Exercise instructions:
The answer must consist of every line below that holds the word "IFCSIUNIT".

Dataset items:
════════

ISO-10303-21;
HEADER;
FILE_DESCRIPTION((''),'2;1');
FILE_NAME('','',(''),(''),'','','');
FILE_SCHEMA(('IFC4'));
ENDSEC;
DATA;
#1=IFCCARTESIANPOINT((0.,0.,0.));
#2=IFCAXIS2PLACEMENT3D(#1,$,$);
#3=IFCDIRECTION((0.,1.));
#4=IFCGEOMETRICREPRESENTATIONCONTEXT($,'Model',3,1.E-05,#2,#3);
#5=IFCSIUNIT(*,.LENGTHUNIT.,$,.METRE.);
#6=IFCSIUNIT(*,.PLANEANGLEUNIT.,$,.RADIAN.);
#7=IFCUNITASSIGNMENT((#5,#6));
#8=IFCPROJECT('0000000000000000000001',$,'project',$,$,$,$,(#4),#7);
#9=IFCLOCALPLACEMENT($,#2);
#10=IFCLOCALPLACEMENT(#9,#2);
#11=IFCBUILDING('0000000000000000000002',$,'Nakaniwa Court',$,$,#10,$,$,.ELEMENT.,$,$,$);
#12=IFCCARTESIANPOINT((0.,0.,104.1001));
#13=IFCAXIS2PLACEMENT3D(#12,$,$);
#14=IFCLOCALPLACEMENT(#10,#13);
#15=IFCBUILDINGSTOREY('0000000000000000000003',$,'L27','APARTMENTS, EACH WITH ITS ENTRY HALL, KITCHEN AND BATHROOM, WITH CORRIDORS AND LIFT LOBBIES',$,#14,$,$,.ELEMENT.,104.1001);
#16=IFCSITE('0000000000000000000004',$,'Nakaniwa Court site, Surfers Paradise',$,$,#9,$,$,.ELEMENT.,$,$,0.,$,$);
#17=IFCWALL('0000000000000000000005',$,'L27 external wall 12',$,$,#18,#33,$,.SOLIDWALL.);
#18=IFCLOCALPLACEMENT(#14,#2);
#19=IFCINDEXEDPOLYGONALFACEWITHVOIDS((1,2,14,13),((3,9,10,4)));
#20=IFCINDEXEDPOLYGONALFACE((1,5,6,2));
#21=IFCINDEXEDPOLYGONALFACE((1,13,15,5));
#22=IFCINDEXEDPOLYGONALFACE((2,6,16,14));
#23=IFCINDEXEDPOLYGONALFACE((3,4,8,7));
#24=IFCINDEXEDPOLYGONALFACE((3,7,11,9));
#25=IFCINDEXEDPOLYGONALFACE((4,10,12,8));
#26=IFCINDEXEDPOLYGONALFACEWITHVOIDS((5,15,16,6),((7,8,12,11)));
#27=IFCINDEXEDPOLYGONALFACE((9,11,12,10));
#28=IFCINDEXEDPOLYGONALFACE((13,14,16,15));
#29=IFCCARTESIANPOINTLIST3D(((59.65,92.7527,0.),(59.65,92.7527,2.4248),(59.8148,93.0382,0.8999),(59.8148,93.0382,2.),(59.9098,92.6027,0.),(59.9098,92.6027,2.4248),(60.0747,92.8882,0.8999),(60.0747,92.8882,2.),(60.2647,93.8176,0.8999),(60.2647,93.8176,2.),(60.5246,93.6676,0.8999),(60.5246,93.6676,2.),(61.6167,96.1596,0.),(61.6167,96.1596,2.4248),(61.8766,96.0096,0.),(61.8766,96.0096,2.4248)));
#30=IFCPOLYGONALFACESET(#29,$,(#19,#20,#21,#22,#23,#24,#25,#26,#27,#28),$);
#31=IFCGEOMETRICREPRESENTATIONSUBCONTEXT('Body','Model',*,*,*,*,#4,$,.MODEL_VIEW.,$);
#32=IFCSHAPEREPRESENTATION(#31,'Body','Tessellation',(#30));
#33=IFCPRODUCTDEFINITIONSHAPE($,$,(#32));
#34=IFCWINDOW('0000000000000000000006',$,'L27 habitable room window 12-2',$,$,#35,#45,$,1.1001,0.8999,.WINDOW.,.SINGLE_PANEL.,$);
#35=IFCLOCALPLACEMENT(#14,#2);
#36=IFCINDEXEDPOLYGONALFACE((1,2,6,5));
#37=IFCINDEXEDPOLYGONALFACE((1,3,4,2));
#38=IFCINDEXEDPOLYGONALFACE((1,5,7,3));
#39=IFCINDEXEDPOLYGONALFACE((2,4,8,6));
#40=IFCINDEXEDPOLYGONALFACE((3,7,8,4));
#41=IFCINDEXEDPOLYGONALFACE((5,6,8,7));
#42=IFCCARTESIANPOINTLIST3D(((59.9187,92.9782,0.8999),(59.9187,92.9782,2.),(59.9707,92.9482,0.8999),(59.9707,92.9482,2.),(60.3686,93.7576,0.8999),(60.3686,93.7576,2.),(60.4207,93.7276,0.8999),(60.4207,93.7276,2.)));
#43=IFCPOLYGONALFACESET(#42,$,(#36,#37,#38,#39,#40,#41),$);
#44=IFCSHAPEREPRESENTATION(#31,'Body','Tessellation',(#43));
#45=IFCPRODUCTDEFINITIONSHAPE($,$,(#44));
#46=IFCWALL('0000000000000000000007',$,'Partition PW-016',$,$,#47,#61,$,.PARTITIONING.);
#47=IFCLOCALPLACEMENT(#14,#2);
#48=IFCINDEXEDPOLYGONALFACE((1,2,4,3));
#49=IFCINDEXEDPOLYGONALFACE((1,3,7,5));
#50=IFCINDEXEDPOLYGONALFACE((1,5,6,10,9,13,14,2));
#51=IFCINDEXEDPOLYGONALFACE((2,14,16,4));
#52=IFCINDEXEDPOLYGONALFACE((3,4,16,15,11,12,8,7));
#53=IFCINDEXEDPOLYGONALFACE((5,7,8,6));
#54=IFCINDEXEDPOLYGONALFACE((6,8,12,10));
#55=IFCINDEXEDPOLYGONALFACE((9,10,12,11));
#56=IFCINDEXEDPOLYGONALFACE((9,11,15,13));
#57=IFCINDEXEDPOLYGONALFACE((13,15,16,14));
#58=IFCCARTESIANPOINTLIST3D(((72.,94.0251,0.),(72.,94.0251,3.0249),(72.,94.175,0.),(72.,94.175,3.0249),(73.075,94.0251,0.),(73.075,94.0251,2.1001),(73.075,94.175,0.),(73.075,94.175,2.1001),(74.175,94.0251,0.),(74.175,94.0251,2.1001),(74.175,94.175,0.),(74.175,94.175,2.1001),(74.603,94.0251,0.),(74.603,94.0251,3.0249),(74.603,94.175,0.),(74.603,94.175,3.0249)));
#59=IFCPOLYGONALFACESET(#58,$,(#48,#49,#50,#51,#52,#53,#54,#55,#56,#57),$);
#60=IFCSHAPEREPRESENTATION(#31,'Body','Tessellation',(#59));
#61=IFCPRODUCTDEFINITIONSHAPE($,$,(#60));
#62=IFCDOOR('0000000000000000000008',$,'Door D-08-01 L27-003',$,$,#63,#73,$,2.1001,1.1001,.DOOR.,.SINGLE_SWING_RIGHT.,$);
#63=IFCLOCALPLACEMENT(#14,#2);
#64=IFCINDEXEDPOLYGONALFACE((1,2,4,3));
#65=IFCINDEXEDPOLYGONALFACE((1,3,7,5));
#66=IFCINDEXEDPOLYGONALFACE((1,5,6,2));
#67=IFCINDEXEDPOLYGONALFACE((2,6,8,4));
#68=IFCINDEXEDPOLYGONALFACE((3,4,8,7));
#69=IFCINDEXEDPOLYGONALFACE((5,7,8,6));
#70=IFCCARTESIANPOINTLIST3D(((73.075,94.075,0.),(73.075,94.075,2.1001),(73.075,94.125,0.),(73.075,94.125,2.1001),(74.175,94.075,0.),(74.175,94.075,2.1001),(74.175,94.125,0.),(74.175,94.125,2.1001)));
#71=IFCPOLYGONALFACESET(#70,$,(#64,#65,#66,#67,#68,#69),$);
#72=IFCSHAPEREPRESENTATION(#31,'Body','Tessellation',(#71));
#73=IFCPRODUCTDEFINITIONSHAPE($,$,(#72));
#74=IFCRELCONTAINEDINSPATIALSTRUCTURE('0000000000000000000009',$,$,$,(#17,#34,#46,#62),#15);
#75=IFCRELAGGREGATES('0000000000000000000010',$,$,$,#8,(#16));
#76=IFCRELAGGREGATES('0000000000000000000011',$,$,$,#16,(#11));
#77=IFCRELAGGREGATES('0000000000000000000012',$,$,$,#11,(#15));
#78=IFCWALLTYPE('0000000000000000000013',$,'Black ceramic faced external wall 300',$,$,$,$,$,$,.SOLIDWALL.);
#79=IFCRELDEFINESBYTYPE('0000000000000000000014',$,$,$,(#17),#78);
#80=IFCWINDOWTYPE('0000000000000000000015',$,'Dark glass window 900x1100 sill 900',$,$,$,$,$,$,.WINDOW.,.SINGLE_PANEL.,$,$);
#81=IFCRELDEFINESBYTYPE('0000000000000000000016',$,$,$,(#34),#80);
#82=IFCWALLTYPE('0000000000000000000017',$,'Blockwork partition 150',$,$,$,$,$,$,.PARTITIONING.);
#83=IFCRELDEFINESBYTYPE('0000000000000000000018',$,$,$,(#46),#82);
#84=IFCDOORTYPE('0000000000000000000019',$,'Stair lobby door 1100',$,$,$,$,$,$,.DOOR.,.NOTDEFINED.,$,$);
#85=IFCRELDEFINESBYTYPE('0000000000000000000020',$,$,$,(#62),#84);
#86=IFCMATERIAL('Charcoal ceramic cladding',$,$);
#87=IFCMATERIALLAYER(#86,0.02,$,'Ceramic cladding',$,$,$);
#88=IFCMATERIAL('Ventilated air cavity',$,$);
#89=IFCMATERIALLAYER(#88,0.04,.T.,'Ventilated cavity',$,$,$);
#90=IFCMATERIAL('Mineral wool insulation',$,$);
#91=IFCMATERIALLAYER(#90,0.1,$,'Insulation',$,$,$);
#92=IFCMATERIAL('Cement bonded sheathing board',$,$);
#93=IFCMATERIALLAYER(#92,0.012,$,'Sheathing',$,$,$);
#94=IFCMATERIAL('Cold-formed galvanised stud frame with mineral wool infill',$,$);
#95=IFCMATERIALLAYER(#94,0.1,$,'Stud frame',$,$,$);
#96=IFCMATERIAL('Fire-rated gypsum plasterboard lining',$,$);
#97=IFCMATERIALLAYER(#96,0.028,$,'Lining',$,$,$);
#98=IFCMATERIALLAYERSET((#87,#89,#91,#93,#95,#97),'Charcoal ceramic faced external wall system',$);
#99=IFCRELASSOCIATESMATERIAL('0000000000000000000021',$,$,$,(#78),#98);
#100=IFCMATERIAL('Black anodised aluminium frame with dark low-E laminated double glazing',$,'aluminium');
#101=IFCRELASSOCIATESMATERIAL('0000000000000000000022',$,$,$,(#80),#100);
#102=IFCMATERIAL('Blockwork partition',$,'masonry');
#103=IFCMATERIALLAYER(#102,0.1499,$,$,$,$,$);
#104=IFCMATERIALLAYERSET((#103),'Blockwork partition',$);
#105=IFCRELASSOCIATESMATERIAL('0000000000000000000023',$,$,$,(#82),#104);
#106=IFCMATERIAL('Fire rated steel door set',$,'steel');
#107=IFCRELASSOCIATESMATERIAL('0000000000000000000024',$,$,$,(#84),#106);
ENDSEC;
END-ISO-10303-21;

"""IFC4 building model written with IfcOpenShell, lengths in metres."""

from ifc_helpers import new_model, si_unit, direction, frame, frame_2d, origin, place, context, subcontext, project, spatial, rectangle, extrude, material, layer, layer_set, type_object, element, fill, save


model = new_model("IFC4")

# Units and contexts
model_context = context("Model", 3, precision=1e-05, world=origin(), true_north=direction((0.0, 1.0)))
body_context = subcontext(model_context, "Body", "Model", "MODEL_VIEW")
ifc_project = project(units=[si_unit("LENGTHUNIT", "METRE"), si_unit("PLANEANGLEUNIT", "RADIAN")], contexts=[model_context])

# Site, building, storey
site_placement = place(None, origin())
site = spatial("IfcSite", under=ifc_project, at=site_placement, Name="Nakaniwa Court site, Surfers Paradise", CompositionType="ELEMENT", RefElevation=0.0)
building_placement = place(site_placement, origin())
building = spatial("IfcBuilding", under=site, at=building_placement, Name="Nakaniwa Court", CompositionType="ELEMENT")
storey_placement = place(building_placement, frame((0.0, 0.0, 104.1001)))
storey = spatial("IfcBuildingStorey", under=building, at=storey_placement, Name="L27", Description="APARTMENTS, EACH WITH ITS ENTRY HALL, KITCHEN AND BATHROOM, WITH CORRIDORS AND LIFT LOBBIES", CompositionType="ELEMENT", Elevation=104.1001)

# Wall, opening, window
ifc_material_1 = material(Name="Charcoal ceramic cladding")
ifc_layer_1 = layer(ifc_material_1, 0.02, Name="Ceramic cladding")
ifc_material_2 = material(Name="Ventilated air cavity")
ifc_layer_2 = layer(ifc_material_2, 0.04, ventilated=True, Name="Ventilated cavity")
ifc_material_3 = material(Name="Mineral wool insulation")
ifc_layer_3 = layer(ifc_material_3, 0.1, Name="Insulation")
ifc_material_4 = material(Name="Cement bonded sheathing board")
ifc_layer_4 = layer(ifc_material_4, 0.012, Name="Sheathing")
ifc_material_5 = material(Name="Cold-formed galvanised stud frame with mineral wool infill")
ifc_layer_5 = layer(ifc_material_5, 0.1, Name="Stud frame")
ifc_material_6 = material(Name="Fire-rated gypsum plasterboard lining")
ifc_layer_6 = layer(ifc_material_6, 0.028, Name="Lining")
ifc_layer_set_1 = layer_set([ifc_layer_1, ifc_layer_2, ifc_layer_3, ifc_layer_4, ifc_layer_5, ifc_layer_6], Name="Charcoal ceramic faced external wall system")
wall_type_1 = type_object("IfcWallType", Name="Black ceramic faced external wall 300", PredefinedType="SOLIDWALL", material=ifc_layer_set_1)
ifc_material_7 = material(Name="Black anodised aluminium frame with dark low-E laminated double glazing", Category="aluminium")
wall_1_placement = place(storey_placement, frame((61.7466, 96.0845, 0.0), z_axis=(0.0, 0.0, 1.0), x_axis=(-0.499957, -0.86605, 0.0)))
wall_1 = element("IfcWall", 1, at=wall_1_placement, inside=storey, type_object=wall_type_1, Name="L27 external wall 12", PredefinedType="SOLIDWALL", context=body_context, shape_type="SweptSolid", body=[
    extrude(rectangle(XDim=3.9338, YDim=0.3, at=frame_2d((1.9668, 0.0))), origin(), (0.0, 0.0, 1.0), 2.4248),
])
opening_1_placement = place(wall_1_placement, frame((2.7041, 0.0, 0.8999)))
opening_1 = element("IfcOpeningElement", 2, at=opening_1_placement, cuts=wall_1, PredefinedType="OPENING", context=body_context, shape_type="SweptSolid", body=[
    extrude(rectangle(XDim=0.8999, YDim=1.1001, at=frame_2d((0.45, 0.55))), frame((0.0, 0.1599, 0.0), z_axis=(0.0, -1.0, 0.0), x_axis=(1.0, 0.0, 0.0)), (0.0, 0.0, 1.0), 0.3201),
])
window_type_1 = type_object("IfcWindowType", Name="Dark glass window 900x1100 sill 900", PartitioningType="SINGLE_PANEL", PredefinedType="WINDOW", material=ifc_material_7)
window_1_placement = place(opening_1_placement, origin())
window_1 = element("IfcWindow", 3, at=window_1_placement, inside=storey, type_object=window_type_1, Name="L27 habitable room window 12-2", OverallHeight=1.1001, OverallWidth=0.8999, PartitioningType="SINGLE_PANEL", PredefinedType="WINDOW", context=body_context, shape_type="SweptSolid", body=[
    extrude(rectangle(XDim=0.8999, YDim=1.1001, at=frame_2d((0.45, 0.55))), frame((0.0, 0.03, 0.0), z_axis=(0.0, -1.0, 0.0), x_axis=(1.0, 0.0, 0.0)), (0.0, 0.0, 1.0), 0.0601),
])
fill(opening_1, window_1)

# Wall, opening, door
ifc_material_8 = material(Name="Blockwork partition", Category="masonry")
ifc_layer_7 = layer(ifc_material_8, 0.1499)
ifc_layer_set_2 = layer_set([ifc_layer_7], Name="Blockwork partition")
wall_type_2 = type_object("IfcWallType", Name="Blockwork partition 150", PredefinedType="PARTITIONING", material=ifc_layer_set_2)
wall_2_placement = place(storey_placement, frame((72.0, 94.1001, 0.0), z_axis=(0.0, 0.0, 1.0), x_axis=(1.0, 0.0, 0.0)))
wall_2 = element("IfcWall", 4, at=wall_2_placement, inside=storey, type_object=wall_type_2, Name="Partition PW-016", PredefinedType="PARTITIONING", context=body_context, shape_type="SweptSolid", body=[
    extrude(rectangle(XDim=2.603, YDim=0.1499, at=frame_2d((1.3015, 0.0))), origin(), (0.0, 0.0, 1.0), 3.0249),
])
opening_2_placement = place(wall_2_placement, frame((1.075, 0.0, 0.0)))
opening_2 = element("IfcOpeningElement", 5, at=opening_2_placement, cuts=wall_2, PredefinedType="OPENING", context=body_context, shape_type="SweptSolid", body=[
    extrude(rectangle(XDim=1.1001, YDim=2.1001, at=frame_2d((0.55, 1.05))), frame((0.0, 0.085, 0.0), z_axis=(0.0, -1.0, 0.0), x_axis=(1.0, 0.0, 0.0)), (0.0, 0.0, 1.0), 0.1699),
])
ifc_material_9 = material(Name="Fire rated steel door set", Category="steel")
door_type_1 = type_object("IfcDoorType", Name="Stair lobby door 1100", OperationType="NOTDEFINED", PredefinedType="DOOR", material=ifc_material_9)
door_1_placement = place(opening_2_placement, origin())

════════

Written response:
#5=IFCSIUNIT(*,.LENGTHUNIT.,$,.METRE.);
#6=IFCSIUNIT(*,.PLANEANGLEUNIT.,$,.RADIAN.);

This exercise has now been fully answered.